Among the records below, find the line that has "#177=IFCPRODUCTDEFINITIONSHAPE($,$,(#176));"; from there, give the lines again exactly, and stop after the line that has "#182=IFCINDEXEDPOLYGONALFACE((1,5,6,2));".

Input section start

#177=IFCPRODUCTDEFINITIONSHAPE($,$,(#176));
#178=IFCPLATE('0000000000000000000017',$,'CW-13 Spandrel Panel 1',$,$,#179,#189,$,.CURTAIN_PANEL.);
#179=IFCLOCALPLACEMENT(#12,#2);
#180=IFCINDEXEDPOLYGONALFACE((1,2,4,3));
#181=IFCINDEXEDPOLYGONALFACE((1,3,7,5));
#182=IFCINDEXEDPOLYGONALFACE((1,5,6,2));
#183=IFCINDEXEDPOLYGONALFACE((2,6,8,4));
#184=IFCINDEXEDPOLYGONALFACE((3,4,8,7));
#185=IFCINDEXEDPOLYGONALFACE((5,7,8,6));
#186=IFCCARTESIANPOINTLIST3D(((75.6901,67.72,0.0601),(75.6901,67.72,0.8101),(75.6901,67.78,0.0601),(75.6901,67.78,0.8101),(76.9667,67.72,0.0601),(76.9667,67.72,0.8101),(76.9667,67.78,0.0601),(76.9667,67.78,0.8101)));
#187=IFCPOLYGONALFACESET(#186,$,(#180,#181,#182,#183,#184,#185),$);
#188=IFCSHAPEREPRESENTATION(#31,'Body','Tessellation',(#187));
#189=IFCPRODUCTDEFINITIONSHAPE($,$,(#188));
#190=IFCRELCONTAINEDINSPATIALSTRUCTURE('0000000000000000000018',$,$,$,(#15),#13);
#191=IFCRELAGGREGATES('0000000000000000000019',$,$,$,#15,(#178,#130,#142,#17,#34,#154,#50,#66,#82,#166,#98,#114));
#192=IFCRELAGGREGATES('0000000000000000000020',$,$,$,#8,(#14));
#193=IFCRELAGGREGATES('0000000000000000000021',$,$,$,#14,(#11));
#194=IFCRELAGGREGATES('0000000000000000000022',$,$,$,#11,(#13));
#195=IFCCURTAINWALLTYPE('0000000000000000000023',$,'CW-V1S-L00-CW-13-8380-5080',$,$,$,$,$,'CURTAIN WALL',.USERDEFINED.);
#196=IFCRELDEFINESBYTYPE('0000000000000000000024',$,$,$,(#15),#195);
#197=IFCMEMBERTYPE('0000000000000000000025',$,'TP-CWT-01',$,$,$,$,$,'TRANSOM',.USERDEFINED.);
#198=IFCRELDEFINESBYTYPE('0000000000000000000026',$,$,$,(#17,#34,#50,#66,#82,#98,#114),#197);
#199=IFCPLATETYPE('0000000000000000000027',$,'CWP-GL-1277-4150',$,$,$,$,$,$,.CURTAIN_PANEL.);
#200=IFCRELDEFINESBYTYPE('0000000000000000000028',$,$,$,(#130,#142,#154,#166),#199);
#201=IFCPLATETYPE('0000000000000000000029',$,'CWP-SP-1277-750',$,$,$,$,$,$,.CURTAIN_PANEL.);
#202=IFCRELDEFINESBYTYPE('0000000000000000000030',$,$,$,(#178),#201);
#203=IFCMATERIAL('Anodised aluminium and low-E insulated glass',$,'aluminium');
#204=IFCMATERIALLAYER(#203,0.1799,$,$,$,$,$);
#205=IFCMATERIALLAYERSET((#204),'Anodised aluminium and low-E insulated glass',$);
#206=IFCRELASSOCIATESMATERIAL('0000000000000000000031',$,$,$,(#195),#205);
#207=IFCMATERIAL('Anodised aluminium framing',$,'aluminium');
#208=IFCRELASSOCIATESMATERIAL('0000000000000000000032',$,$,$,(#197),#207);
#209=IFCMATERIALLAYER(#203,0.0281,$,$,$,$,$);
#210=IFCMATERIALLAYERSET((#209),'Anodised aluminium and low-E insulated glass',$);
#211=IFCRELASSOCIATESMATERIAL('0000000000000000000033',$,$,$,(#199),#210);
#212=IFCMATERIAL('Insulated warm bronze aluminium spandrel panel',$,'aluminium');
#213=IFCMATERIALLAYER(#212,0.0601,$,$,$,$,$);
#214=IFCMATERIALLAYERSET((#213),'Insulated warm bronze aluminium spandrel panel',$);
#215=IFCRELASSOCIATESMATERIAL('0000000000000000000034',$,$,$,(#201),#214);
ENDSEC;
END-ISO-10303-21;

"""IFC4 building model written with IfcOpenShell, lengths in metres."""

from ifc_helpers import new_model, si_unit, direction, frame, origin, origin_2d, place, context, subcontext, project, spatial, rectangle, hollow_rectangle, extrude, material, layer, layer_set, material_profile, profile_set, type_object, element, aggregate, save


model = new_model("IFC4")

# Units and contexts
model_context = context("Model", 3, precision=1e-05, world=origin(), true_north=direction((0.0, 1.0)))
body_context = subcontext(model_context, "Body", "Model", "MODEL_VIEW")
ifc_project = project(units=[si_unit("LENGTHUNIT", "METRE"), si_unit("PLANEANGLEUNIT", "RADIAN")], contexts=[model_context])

Input section end
Input section start

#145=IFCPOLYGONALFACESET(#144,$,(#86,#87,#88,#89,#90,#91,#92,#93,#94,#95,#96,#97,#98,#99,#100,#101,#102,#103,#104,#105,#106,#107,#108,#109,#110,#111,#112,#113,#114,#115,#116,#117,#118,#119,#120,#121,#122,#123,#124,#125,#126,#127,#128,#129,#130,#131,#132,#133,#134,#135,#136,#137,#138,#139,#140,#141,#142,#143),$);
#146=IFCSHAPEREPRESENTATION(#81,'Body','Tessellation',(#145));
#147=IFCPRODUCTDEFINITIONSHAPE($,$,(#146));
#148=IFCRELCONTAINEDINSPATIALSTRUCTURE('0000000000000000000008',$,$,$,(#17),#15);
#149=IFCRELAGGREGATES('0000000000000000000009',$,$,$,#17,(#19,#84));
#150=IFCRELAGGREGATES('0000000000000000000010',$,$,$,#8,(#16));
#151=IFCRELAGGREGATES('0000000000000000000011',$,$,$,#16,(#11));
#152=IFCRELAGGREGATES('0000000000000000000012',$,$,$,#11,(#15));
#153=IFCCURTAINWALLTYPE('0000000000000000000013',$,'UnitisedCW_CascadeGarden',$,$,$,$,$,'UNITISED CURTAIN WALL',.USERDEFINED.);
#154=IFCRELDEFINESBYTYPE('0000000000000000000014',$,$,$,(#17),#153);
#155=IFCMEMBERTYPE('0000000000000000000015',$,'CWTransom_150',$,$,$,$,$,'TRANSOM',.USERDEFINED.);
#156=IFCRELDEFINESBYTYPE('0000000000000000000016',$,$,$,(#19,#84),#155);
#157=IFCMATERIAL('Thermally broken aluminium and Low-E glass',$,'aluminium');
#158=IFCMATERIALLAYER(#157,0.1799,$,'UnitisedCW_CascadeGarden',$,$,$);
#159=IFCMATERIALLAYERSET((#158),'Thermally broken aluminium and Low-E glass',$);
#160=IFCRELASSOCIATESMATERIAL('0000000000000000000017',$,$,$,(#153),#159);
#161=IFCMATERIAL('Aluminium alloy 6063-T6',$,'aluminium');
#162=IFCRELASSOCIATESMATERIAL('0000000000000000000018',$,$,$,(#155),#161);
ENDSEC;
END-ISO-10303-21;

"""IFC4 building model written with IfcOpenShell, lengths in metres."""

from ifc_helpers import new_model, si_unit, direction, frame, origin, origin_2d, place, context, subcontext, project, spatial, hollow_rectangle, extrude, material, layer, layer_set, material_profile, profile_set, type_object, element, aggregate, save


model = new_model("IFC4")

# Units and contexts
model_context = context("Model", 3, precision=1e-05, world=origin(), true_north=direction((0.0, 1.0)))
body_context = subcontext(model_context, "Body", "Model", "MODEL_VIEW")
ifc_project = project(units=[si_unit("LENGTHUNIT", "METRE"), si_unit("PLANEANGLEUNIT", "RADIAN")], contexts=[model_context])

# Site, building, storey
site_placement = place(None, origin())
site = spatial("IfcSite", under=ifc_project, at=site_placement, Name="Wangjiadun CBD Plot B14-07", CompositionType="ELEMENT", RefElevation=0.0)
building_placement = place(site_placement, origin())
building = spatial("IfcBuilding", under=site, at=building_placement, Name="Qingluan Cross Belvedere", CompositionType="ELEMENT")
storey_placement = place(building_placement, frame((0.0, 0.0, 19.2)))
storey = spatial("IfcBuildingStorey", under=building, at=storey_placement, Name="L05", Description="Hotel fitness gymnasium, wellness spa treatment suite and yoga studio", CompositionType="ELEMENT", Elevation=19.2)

Input section end
Input section start

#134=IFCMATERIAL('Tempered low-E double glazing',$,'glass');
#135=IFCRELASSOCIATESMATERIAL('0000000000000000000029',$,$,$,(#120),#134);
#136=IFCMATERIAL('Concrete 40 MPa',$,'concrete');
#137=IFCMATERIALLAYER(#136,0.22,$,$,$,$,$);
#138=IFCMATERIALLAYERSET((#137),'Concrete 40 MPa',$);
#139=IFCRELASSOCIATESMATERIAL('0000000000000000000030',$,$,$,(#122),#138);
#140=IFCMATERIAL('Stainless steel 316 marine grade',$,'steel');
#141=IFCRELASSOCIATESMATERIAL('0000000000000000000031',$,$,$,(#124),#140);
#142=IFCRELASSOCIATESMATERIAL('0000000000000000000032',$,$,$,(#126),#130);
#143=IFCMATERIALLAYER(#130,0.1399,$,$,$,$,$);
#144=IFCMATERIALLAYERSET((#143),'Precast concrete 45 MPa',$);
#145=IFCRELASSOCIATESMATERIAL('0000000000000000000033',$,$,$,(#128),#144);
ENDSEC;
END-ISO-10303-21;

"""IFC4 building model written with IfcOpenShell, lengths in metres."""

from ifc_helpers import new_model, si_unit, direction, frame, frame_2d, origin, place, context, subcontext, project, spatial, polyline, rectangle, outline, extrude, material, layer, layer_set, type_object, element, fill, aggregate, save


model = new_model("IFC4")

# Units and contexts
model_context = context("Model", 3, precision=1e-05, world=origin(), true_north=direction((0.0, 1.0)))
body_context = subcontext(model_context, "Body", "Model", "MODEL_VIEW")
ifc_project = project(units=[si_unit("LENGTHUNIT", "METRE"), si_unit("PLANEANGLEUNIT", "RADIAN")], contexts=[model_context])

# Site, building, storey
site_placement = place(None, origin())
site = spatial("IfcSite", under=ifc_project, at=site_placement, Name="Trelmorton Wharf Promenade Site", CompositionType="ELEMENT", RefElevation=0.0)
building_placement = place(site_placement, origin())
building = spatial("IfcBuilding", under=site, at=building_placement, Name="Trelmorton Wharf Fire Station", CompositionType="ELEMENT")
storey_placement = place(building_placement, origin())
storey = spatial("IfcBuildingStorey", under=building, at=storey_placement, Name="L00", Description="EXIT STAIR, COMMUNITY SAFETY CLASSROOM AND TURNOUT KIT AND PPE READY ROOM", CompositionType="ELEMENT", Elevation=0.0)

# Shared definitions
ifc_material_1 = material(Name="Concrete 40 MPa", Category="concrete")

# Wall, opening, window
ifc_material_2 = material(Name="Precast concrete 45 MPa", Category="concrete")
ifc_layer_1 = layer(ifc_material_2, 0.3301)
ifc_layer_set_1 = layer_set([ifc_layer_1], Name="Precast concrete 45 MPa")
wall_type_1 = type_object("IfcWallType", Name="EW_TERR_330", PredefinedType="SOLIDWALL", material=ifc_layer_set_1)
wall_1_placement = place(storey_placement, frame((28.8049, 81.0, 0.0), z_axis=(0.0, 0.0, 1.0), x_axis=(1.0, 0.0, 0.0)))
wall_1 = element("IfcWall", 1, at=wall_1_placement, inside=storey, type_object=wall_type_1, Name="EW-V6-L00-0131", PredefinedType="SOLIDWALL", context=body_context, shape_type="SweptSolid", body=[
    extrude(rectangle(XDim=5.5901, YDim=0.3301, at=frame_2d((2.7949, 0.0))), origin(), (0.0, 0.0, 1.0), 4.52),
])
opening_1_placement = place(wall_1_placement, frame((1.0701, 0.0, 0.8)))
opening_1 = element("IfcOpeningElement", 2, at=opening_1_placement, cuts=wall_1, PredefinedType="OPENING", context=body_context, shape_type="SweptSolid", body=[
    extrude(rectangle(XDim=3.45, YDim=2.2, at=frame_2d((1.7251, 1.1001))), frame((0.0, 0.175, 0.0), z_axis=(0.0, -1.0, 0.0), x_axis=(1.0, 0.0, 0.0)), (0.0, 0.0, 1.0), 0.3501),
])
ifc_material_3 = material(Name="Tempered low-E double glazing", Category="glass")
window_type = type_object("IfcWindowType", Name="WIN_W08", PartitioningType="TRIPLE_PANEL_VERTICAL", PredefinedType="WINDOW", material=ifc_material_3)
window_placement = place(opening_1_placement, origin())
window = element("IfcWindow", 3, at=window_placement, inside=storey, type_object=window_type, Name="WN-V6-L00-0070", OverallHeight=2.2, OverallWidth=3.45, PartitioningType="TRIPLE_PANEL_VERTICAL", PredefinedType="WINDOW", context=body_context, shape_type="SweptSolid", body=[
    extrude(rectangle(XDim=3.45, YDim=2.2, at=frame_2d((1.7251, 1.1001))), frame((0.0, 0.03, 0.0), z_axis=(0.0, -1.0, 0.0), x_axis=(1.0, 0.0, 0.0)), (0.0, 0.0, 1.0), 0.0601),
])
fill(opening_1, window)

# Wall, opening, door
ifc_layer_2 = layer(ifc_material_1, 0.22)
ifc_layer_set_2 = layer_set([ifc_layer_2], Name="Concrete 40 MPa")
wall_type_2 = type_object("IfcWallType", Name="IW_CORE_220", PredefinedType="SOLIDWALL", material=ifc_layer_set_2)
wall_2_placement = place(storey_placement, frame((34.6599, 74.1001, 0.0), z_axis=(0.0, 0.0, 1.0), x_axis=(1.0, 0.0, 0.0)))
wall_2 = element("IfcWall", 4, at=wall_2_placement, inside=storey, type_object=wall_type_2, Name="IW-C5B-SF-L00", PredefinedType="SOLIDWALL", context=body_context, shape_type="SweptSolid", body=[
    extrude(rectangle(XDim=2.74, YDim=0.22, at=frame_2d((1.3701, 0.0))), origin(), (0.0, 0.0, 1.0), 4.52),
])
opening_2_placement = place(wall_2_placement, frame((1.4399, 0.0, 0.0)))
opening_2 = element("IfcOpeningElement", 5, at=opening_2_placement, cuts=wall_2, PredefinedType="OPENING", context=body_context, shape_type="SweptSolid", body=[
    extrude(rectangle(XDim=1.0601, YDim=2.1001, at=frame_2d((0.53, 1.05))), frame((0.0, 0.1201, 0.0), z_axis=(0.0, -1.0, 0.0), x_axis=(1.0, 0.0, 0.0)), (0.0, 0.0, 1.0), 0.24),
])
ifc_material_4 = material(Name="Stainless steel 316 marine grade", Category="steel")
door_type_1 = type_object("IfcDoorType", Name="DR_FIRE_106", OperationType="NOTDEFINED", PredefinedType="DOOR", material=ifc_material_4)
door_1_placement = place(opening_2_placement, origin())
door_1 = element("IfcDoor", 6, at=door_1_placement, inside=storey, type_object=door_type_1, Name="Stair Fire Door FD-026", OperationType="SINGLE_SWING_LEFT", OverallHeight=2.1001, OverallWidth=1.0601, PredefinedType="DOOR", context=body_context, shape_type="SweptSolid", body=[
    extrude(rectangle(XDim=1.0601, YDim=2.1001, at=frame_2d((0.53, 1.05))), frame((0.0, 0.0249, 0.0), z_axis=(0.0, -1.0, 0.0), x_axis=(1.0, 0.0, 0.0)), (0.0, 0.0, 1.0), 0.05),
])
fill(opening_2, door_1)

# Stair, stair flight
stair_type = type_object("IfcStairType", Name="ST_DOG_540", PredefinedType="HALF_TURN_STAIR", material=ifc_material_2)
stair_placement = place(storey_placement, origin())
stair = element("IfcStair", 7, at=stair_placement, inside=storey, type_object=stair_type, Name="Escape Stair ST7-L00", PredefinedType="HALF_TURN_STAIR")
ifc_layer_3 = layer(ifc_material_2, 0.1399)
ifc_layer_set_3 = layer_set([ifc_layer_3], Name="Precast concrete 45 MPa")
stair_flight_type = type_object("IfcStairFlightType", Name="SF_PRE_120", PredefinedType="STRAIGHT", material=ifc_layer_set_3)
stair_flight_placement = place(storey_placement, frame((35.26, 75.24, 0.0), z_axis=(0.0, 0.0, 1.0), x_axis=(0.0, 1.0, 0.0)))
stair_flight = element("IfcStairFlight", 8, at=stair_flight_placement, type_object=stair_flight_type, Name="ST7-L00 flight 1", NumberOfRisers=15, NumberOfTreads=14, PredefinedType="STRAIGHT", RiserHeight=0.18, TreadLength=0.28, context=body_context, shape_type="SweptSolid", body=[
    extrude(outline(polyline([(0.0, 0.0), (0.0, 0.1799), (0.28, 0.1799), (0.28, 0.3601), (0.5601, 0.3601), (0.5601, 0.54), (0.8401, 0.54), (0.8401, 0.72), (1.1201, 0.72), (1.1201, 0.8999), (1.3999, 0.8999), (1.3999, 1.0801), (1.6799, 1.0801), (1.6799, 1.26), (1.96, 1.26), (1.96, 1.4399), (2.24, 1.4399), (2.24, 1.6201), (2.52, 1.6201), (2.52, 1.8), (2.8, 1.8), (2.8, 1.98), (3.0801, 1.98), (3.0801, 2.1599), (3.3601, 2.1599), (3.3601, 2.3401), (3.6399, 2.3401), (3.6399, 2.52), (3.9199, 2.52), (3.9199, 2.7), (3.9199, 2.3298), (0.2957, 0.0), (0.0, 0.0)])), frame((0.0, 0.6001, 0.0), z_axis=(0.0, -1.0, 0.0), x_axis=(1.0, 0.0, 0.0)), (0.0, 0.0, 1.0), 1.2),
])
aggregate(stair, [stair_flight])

Input section end

• [Solved exercise]
#177=IFCPRODUCTDEFINITIONSHAPE($,$,(#176));
#178=IFCPLATE('0000000000000000000017',$,'CW-13 Spandrel Panel 1',$,$,#179,#189,$,.CURTAIN_PANEL.);
#179=IFCLOCALPLACEMENT(#12,#2);
#180=IFCINDEXEDPOLYGONALFACE((1,2,4,3));
#181=IFCINDEXEDPOLYGONALFACE((1,3,7,5));
#182=IFCINDEXEDPOLYGONALFACE((1,5,6,2));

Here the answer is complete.